[Dataset entries]
▼
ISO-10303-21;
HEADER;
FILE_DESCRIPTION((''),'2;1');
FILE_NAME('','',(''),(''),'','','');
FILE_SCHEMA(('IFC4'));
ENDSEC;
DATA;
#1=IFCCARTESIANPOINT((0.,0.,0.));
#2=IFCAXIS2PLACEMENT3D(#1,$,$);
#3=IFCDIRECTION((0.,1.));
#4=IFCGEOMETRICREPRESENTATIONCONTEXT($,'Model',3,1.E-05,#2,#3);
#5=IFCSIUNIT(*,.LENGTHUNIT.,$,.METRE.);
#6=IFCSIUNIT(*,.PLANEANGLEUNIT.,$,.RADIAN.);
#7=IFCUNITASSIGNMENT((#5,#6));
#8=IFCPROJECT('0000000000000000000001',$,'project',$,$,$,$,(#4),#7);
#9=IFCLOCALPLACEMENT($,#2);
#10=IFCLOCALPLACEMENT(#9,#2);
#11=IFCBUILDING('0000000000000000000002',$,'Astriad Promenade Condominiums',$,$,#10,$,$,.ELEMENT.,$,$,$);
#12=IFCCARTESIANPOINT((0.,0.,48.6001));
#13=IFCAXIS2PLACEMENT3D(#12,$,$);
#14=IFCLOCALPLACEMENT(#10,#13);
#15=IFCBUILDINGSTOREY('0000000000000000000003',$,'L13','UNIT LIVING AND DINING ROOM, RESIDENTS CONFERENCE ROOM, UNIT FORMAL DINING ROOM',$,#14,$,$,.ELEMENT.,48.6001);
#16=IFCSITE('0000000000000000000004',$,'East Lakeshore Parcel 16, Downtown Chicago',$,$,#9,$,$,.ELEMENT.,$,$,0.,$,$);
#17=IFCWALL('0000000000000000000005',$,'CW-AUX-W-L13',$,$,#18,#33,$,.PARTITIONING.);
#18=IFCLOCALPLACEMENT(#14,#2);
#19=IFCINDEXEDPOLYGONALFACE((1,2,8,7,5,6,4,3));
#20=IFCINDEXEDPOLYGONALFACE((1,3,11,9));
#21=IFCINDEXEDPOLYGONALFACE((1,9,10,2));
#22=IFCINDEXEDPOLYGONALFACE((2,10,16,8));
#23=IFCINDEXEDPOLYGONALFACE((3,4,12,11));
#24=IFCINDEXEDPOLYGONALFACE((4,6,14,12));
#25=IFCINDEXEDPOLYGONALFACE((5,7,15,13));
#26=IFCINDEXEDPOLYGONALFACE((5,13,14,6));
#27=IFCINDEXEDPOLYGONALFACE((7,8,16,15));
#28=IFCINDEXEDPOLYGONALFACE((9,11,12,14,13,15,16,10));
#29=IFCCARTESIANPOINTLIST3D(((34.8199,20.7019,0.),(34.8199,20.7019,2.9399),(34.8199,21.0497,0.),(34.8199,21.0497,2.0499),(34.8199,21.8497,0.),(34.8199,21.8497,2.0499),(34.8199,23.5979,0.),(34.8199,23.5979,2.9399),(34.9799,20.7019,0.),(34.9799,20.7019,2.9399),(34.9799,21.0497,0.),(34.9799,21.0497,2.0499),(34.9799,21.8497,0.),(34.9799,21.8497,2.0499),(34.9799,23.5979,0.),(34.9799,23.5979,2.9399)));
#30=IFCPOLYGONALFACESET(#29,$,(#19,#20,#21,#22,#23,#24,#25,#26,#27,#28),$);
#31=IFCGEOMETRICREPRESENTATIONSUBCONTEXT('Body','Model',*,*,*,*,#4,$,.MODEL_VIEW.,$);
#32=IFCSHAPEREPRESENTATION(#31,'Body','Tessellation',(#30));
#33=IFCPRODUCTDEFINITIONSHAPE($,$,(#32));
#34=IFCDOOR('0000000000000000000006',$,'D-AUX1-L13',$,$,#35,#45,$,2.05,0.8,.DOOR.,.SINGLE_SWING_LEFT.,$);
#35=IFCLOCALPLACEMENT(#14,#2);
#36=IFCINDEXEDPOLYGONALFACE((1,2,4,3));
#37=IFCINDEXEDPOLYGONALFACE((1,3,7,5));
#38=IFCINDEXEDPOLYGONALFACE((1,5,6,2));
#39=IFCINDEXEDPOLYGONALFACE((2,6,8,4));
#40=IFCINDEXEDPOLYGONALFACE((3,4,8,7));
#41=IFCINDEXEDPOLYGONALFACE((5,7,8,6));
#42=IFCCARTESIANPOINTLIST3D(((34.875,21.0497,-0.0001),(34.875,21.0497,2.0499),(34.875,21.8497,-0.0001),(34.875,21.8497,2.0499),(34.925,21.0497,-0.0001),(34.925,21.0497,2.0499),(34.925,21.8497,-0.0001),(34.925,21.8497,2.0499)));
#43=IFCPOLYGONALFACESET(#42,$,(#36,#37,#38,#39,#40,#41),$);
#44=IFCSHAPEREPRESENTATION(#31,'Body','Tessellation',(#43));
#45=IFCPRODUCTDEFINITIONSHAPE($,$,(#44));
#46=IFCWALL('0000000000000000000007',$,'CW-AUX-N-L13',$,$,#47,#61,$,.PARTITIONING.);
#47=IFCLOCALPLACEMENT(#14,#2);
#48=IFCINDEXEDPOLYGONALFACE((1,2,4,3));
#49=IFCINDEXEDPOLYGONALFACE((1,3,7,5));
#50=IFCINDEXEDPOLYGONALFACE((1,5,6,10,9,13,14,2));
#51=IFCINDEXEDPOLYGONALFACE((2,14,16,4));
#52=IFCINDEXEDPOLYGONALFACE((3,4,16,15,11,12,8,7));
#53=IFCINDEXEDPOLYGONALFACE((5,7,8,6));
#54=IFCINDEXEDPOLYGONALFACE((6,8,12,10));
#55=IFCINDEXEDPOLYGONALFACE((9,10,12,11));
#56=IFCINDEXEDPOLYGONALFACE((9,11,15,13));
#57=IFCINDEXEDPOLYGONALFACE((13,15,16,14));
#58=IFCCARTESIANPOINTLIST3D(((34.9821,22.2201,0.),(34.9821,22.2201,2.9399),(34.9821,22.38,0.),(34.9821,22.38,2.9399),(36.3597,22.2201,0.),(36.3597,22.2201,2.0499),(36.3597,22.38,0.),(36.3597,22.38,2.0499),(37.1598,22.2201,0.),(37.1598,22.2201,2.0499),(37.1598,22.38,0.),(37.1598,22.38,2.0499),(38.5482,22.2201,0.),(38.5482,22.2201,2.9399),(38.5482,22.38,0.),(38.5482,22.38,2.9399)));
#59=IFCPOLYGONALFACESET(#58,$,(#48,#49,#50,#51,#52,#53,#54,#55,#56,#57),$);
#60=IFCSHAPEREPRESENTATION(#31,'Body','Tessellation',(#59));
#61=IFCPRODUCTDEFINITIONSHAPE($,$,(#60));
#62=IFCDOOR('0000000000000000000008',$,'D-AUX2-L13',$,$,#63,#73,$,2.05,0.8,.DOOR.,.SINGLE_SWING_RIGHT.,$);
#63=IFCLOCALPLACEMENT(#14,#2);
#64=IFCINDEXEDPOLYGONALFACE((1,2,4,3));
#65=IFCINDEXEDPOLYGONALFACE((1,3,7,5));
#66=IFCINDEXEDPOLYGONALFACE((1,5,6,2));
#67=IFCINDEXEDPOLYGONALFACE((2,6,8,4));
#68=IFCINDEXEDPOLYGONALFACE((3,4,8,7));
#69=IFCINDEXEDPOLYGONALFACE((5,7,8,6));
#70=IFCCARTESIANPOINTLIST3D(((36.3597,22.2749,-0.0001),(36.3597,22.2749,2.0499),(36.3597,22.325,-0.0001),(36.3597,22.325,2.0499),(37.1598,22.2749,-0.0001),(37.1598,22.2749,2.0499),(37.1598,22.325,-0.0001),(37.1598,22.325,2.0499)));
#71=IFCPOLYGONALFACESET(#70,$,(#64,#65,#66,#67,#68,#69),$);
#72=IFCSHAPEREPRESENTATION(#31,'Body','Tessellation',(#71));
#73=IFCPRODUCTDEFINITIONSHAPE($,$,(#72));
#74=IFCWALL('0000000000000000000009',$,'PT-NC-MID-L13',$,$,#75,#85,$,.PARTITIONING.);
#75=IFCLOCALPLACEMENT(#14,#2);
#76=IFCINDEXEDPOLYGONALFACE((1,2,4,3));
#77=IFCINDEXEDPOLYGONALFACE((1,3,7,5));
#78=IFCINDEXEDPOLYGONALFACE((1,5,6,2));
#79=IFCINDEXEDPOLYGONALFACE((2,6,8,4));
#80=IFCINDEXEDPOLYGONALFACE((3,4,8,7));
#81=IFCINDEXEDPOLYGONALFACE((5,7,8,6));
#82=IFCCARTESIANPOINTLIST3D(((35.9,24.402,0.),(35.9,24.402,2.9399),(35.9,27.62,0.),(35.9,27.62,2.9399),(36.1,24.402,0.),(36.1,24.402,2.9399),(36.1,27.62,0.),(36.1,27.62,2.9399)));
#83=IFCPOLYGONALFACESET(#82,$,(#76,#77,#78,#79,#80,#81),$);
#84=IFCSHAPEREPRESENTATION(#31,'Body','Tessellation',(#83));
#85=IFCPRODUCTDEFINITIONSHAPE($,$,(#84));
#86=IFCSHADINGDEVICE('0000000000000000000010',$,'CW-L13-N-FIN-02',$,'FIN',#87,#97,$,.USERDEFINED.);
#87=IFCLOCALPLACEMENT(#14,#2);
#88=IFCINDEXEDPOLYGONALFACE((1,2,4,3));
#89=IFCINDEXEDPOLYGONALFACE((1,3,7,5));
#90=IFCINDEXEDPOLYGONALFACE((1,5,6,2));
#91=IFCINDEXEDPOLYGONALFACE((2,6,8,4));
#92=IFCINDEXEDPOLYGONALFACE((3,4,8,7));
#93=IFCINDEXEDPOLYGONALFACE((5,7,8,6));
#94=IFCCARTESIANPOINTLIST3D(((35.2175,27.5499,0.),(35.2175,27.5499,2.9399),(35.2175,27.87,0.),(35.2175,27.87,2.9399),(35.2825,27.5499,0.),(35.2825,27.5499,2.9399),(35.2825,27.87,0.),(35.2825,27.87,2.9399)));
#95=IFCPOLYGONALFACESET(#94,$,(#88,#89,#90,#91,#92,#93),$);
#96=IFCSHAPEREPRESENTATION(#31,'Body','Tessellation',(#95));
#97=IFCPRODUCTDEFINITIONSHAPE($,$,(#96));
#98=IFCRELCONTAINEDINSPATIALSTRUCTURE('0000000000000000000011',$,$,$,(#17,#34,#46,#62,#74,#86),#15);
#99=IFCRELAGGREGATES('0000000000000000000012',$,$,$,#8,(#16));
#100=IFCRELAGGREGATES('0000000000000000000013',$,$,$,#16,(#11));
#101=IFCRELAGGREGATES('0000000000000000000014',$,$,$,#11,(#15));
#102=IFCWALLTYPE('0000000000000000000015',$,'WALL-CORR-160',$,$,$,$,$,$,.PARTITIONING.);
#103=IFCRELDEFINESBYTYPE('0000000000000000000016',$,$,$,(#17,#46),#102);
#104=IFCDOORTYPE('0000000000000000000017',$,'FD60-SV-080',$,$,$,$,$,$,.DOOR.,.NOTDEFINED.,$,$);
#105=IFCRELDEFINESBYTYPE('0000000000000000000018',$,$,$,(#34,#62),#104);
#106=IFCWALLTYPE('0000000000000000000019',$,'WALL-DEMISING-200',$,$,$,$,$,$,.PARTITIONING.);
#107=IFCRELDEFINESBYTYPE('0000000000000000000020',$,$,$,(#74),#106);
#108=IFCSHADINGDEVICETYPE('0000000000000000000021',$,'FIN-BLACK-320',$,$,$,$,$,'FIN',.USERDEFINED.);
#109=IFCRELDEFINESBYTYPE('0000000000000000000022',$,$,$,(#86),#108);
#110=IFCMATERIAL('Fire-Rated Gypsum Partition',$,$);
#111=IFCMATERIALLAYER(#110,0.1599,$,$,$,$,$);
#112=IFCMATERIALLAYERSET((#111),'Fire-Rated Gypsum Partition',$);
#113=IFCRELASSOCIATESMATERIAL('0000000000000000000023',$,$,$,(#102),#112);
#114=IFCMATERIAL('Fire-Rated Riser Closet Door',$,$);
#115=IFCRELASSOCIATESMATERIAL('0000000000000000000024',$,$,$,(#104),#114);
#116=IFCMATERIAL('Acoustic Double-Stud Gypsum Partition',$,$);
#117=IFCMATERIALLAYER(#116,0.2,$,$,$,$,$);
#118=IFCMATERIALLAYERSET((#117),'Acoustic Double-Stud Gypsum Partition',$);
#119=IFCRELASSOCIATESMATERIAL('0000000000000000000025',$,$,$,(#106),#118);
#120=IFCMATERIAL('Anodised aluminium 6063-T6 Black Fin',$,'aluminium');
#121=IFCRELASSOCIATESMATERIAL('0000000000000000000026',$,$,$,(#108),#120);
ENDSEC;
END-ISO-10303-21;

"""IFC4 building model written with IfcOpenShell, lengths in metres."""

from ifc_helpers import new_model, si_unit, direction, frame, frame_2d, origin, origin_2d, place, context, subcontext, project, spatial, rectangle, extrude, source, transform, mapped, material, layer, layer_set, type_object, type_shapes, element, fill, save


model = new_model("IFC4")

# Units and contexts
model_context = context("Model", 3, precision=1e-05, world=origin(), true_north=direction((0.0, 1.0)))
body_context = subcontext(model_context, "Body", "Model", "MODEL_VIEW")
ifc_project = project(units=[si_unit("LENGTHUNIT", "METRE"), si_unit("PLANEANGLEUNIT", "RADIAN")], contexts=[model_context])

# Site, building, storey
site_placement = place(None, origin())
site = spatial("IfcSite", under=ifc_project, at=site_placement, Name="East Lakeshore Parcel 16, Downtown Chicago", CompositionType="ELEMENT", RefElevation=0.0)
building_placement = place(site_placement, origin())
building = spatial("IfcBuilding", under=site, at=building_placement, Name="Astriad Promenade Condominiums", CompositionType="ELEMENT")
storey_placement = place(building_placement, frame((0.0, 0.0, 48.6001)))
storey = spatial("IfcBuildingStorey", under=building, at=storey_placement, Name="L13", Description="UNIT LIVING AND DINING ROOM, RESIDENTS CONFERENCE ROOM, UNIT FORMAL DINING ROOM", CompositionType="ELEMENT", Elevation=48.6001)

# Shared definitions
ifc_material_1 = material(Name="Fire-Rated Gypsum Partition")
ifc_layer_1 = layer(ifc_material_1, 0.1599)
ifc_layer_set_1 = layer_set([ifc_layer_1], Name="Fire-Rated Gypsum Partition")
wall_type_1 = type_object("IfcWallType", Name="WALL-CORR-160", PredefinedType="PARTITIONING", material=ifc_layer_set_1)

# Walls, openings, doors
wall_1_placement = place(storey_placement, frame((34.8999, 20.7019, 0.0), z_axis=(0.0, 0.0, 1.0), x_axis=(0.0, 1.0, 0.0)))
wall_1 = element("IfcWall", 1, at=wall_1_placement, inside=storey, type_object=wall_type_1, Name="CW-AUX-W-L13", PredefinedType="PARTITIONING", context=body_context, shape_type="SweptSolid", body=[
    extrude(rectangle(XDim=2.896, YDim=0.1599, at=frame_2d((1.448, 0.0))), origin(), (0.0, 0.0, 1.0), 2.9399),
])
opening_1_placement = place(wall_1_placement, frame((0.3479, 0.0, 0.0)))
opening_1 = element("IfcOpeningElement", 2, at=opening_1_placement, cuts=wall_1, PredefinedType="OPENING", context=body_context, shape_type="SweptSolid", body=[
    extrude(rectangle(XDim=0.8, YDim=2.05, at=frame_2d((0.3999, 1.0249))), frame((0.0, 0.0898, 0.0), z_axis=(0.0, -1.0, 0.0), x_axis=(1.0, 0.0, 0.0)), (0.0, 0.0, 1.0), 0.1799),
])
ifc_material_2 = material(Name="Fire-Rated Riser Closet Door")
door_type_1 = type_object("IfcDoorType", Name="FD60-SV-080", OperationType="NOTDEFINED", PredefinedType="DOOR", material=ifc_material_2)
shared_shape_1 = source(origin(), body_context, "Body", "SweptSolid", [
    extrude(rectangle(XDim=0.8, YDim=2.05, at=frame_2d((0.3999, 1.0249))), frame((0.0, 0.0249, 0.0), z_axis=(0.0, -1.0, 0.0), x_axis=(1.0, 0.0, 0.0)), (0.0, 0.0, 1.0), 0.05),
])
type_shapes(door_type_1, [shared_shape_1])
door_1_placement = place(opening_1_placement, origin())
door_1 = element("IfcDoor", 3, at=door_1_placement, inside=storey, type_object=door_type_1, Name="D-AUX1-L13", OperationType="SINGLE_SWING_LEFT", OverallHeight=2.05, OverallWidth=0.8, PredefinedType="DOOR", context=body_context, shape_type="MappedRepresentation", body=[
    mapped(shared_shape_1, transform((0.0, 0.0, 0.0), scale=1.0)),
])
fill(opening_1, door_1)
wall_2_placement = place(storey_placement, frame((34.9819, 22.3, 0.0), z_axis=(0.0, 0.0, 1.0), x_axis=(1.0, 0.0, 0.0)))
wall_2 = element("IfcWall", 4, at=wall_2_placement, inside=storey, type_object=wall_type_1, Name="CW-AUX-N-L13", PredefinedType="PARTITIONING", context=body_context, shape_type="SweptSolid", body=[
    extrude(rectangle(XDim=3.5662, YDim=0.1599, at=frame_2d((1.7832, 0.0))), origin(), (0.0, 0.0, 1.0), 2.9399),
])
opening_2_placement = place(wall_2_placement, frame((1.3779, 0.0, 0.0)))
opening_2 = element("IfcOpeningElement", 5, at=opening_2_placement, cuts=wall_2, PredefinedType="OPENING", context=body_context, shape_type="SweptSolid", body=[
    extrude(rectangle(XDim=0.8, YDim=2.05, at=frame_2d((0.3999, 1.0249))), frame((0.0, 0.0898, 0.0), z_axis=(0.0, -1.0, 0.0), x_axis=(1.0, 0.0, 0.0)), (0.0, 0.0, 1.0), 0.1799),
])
▲
_Goal of the exercise_
Reproduce exactly the lines that run from the start of the records to the line with "#26=IFCINDEXEDPOLYGONALFACE((5,13,14,6));", both included.

_Result for this exercise_
ISO-10303-21;
HEADER;
FILE_DESCRIPTION((''),'2;1');
FILE_NAME('','',(''),(''),'','','');
FILE_SCHEMA(('IFC4'));
ENDSEC;
DATA;
#1=IFCCARTESIANPOINT((0.,0.,0.));
#2=IFCAXIS2PLACEMENT3D(#1,$,$);
#3=IFCDIRECTION((0.,1.));
#4=IFCGEOMETRICREPRESENTATIONCONTEXT($,'Model',3,1.E-05,#2,#3);
#5=IFCSIUNIT(*,.LENGTHUNIT.,$,.METRE.);
#6=IFCSIUNIT(*,.PLANEANGLEUNIT.,$,.RADIAN.);
#7=IFCUNITASSIGNMENT((#5,#6));
#8=IFCPROJECT('0000000000000000000001',$,'project',$,$,$,$,(#4),#7);
#9=IFCLOCALPLACEMENT($,#2);
#10=IFCLOCALPLACEMENT(#9,#2);
#11=IFCBUILDING('0000000000000000000002',$,'Astriad Promenade Condominiums',$,$,#10,$,$,.ELEMENT.,$,$,$);
#12=IFCCARTESIANPOINT((0.,0.,48.6001));
#13=IFCAXIS2PLACEMENT3D(#12,$,$);
#14=IFCLOCALPLACEMENT(#10,#13);
#15=IFCBUILDINGSTOREY('0000000000000000000003',$,'L13','UNIT LIVING AND DINING ROOM, RESIDENTS CONFERENCE ROOM, UNIT FORMAL DINING ROOM',$,#14,$,$,.ELEMENT.,48.6001);
#16=IFCSITE('0000000000000000000004',$,'East Lakeshore Parcel 16, Downtown Chicago',$,$,#9,$,$,.ELEMENT.,$,$,0.,$,$);
#17=IFCWALL('0000000000000000000005',$,'CW-AUX-W-L13',$,$,#18,#33,$,.PARTITIONING.);
#18=IFCLOCALPLACEMENT(#14,#2);
#19=IFCINDEXEDPOLYGONALFACE((1,2,8,7,5,6,4,3));
#20=IFCINDEXEDPOLYGONALFACE((1,3,11,9));
#21=IFCINDEXEDPOLYGONALFACE((1,9,10,2));
#22=IFCINDEXEDPOLYGONALFACE((2,10,16,8));
#23=IFCINDEXEDPOLYGONALFACE((3,4,12,11));
#24=IFCINDEXEDPOLYGONALFACE((4,6,14,12));
#25=IFCINDEXEDPOLYGONALFACE((5,7,15,13));
#26=IFCINDEXEDPOLYGONALFACE((5,13,14,6));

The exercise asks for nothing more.